[Collected data]

-=-=-

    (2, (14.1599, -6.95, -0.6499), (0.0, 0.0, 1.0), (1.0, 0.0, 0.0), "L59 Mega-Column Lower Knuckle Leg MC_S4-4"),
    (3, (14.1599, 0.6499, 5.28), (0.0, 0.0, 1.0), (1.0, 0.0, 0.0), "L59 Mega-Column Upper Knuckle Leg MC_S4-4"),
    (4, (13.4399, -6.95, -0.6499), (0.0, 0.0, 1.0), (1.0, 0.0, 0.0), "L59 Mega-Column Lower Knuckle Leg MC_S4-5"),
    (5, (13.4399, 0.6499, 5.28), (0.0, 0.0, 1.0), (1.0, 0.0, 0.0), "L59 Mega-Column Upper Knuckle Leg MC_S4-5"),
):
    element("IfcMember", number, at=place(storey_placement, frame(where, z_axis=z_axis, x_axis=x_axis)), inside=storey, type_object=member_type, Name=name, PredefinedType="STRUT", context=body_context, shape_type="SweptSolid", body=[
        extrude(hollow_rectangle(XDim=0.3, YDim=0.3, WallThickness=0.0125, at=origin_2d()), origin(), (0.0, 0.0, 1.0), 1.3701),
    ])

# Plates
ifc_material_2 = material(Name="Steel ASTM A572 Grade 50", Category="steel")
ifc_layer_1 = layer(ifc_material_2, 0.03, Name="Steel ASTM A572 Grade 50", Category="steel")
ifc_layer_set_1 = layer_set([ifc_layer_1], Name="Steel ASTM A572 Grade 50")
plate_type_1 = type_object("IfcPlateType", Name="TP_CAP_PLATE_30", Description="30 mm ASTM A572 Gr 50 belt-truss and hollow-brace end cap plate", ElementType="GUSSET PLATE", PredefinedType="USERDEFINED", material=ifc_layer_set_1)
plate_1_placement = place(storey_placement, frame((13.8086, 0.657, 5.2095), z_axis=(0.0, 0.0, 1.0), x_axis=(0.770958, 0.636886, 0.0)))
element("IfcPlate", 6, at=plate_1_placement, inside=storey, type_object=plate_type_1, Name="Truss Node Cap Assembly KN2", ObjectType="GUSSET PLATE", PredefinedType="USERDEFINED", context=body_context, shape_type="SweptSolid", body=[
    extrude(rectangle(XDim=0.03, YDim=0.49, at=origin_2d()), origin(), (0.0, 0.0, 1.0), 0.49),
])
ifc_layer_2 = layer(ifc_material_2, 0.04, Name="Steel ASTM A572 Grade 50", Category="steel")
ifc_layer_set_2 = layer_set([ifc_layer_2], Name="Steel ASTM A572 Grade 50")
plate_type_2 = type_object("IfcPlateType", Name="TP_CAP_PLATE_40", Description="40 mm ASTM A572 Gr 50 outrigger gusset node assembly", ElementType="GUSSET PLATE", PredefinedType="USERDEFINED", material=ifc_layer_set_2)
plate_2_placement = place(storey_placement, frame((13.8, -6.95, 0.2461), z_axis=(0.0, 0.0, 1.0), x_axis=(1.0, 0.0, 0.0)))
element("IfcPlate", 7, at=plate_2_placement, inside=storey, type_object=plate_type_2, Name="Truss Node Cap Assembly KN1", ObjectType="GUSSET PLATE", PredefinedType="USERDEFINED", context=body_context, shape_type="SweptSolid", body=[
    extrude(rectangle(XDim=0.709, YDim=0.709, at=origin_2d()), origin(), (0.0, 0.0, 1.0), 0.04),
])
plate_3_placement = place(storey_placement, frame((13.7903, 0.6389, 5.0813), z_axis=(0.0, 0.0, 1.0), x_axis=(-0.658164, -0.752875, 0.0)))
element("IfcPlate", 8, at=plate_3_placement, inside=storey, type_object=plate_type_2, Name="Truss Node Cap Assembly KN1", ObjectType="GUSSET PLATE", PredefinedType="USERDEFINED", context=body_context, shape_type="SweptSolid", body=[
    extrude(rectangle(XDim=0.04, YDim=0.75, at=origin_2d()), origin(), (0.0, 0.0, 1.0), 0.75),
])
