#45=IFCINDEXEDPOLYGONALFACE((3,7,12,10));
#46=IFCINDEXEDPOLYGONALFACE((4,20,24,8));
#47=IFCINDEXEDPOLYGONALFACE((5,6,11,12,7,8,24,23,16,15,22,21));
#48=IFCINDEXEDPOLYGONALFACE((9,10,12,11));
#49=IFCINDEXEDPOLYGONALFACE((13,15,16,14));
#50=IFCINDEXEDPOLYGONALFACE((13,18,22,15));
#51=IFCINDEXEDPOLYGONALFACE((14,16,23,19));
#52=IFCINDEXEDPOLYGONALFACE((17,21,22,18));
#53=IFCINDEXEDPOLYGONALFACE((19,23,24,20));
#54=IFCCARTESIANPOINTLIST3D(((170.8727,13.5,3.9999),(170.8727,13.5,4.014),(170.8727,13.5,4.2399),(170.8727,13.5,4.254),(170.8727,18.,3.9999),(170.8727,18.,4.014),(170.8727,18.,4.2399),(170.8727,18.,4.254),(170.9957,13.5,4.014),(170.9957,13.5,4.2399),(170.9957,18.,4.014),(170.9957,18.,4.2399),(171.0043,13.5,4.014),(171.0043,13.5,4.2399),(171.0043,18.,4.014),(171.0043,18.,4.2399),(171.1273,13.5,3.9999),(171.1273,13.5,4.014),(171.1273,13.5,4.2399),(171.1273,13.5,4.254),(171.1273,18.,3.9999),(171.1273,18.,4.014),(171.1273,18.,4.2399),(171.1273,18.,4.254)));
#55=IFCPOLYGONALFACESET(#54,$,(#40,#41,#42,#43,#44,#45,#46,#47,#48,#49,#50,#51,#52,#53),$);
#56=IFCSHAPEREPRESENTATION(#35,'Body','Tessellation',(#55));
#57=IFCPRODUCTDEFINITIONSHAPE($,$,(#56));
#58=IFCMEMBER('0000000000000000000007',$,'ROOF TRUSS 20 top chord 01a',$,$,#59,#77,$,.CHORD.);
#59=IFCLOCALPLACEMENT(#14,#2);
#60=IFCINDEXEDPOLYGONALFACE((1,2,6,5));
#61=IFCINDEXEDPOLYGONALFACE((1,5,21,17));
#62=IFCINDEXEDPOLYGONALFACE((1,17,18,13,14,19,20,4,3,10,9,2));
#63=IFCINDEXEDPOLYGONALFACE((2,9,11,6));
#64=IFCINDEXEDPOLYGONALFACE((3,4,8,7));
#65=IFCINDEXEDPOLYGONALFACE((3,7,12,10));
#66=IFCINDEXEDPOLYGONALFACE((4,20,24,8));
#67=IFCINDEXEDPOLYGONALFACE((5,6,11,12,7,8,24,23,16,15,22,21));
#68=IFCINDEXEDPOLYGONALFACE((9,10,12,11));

-=-=-

◆ **WHAT YOU WILL DO**:
Reproduce the entries above exactly.

◆ **RESPONSE TO THE TASK**:
    (2, (14.1599, -6.95, -0.6499), (0.0, 0.0, 1.0), (1.0, 0.0, 0.0), "L59 Mega-Column Lower Knuckle Leg MC_S4-4"),
    (3, (14.1599, 0.6499, 5.28), (0.0, 0.0, 1.0), (1.0, 0.0, 0.0), "L59 Mega-Column Upper Knuckle Leg MC_S4-4"),
    (4, (13.4399, -6.95, -0.6499), (0.0, 0.0, 1.0), (1.0, 0.0, 0.0), "L59 Mega-Column Lower Knuckle Leg MC_S4-5"),
    (5, (13.4399, 0.6499, 5.28), (0.0, 0.0, 1.0), (1.0, 0.0, 0.0), "L59 Mega-Column Upper Knuckle Leg MC_S4-5"),
):
    element("IfcMember", number, at=place(storey_placement, frame(where, z_axis=z_axis, x_axis=x_axis)), inside=storey, type_object=member_type, Name=name, PredefinedType="STRUT", context=body_context, shape_type="SweptSolid", body=[
        extrude(hollow_rectangle(XDim=0.3, YDim=0.3, WallThickness=0.0125, at=origin_2d()), origin(), (0.0, 0.0, 1.0), 1.3701),
    ])

# Plates
ifc_material_2 = material(Name="Steel ASTM A572 Grade 50", Category="steel")
ifc_layer_1 = layer(ifc_material_2, 0.03, Name="Steel ASTM A572 Grade 50", Category="steel")
ifc_layer_set_1 = layer_set([ifc_layer_1], Name="Steel ASTM A572 Grade 50")
plate_type_1 = type_object("IfcPlateType", Name="TP_CAP_PLATE_30", Description="30 mm ASTM A572 Gr 50 belt-truss and hollow-brace end cap plate", ElementType="GUSSET PLATE", PredefinedType="USERDEFINED", material=ifc_layer_set_1)
plate_1_placement = place(storey_placement, frame((13.8086, 0.657, 5.2095), z_axis=(0.0, 0.0, 1.0), x_axis=(0.770958, 0.636886, 0.0)))
element("IfcPlate", 6, at=plate_1_placement, inside=storey, type_object=plate_type_1, Name="Truss Node Cap Assembly KN2", ObjectType="GUSSET PLATE", PredefinedType="USERDEFINED", context=body_context, shape_type="SweptSolid", body=[
    extrude(rectangle(XDim=0.03, YDim=0.49, at=origin_2d()), origin(), (0.0, 0.0, 1.0), 0.49),
])
ifc_layer_2 = layer(ifc_material_2, 0.04, Name="Steel ASTM A572 Grade 50", Category="steel")
ifc_layer_set_2 = layer_set([ifc_layer_2], Name="Steel ASTM A572 Grade 50")
plate_type_2 = type_object("IfcPlateType", Name="TP_CAP_PLATE_40", Description="40 mm ASTM A572 Gr 50 outrigger gusset node assembly", ElementType="GUSSET PLATE", PredefinedType="USERDEFINED", material=ifc_layer_set_2)
plate_2_placement = place(storey_placement, frame((13.8, -6.95, 0.2461), z_axis=(0.0, 0.0, 1.0), x_axis=(1.0, 0.0, 0.0)))
element("IfcPlate", 7, at=plate_2_placement, inside=storey, type_object=plate_type_2, Name="Truss Node Cap Assembly KN1", ObjectType="GUSSET PLATE", PredefinedType="USERDEFINED", context=body_context, shape_type="SweptSolid", body=[
    extrude(rectangle(XDim=0.709, YDim=0.709, at=origin_2d()), origin(), (0.0, 0.0, 1.0), 0.04),
])
plate_3_placement = place(storey_placement, frame((13.7903, 0.6389, 5.0813), z_axis=(0.0, 0.0, 1.0), x_axis=(-0.658164, -0.752875, 0.0)))
element("IfcPlate", 8, at=plate_3_placement, inside=storey, type_object=plate_type_2, Name="Truss Node Cap Assembly KN1", ObjectType="GUSSET PLATE", PredefinedType="USERDEFINED", context=body_context, shape_type="SweptSolid", body=[
    extrude(rectangle(XDim=0.04, YDim=0.75, at=origin_2d()), origin(), (0.0, 0.0, 1.0), 0.75),
])
#45=IFCINDEXEDPOLYGONALFACE((3,7,12,10));
#46=IFCINDEXEDPOLYGONALFACE((4,20,24,8));
#47=IFCINDEXEDPOLYGONALFACE((5,6,11,12,7,8,24,23,16,15,22,21));
#48=IFCINDEXEDPOLYGONALFACE((9,10,12,11));
#49=IFCINDEXEDPOLYGONALFACE((13,15,16,14));
#50=IFCINDEXEDPOLYGONALFACE((13,18,22,15));
#51=IFCINDEXEDPOLYGONALFACE((14,16,23,19));
#52=IFCINDEXEDPOLYGONALFACE((17,21,22,18));
#53=IFCINDEXEDPOLYGONALFACE((19,23,24,20));
#54=IFCCARTESIANPOINTLIST3D(((170.8727,13.5,3.9999),(170.8727,13.5,4.014),(170.8727,13.5,4.2399),(170.8727,13.5,4.254),(170.8727,18.,3.9999),(170.8727,18.,4.014),(170.8727,18.,4.2399),(170.8727,18.,4.254),(170.9957,13.5,4.014),(170.9957,13.5,4.2399),(170.9957,18.,4.014),(170.9957,18.,4.2399),(171.0043,13.5,4.014),(171.0043,13.5,4.2399),(171.0043,18.,4.014),(171.0043,18.,4.2399),(171.1273,13.5,3.9999),(171.1273,13.5,4.014),(171.1273,13.5,4.2399),(171.1273,13.5,4.254),(171.1273,18.,3.9999),(171.1273,18.,4.014),(171.1273,18.,4.2399),(171.1273,18.,4.254)));
#55=IFCPOLYGONALFACESET(#54,$,(#40,#41,#42,#43,#44,#45,#46,#47,#48,#49,#50,#51,#52,#53),$);
#56=IFCSHAPEREPRESENTATION(#35,'Body','Tessellation',(#55));
#57=IFCPRODUCTDEFINITIONSHAPE($,$,(#56));
#58=IFCMEMBER('0000000000000000000007',$,'ROOF TRUSS 20 top chord 01a',$,$,#59,#77,$,.CHORD.);
#59=IFCLOCALPLACEMENT(#14,#2);
#60=IFCINDEXEDPOLYGONALFACE((1,2,6,5));
#61=IFCINDEXEDPOLYGONALFACE((1,5,21,17));
#62=IFCINDEXEDPOLYGONALFACE((1,17,18,13,14,19,20,4,3,10,9,2));
#63=IFCINDEXEDPOLYGONALFACE((2,9,11,6));
#64=IFCINDEXEDPOLYGONALFACE((3,4,8,7));
#65=IFCINDEXEDPOLYGONALFACE((3,7,12,10));
#66=IFCINDEXEDPOLYGONALFACE((4,20,24,8));
#67=IFCINDEXEDPOLYGONALFACE((5,6,11,12,7,8,24,23,16,15,22,21));
#68=IFCINDEXEDPOLYGONALFACE((9,10,12,11));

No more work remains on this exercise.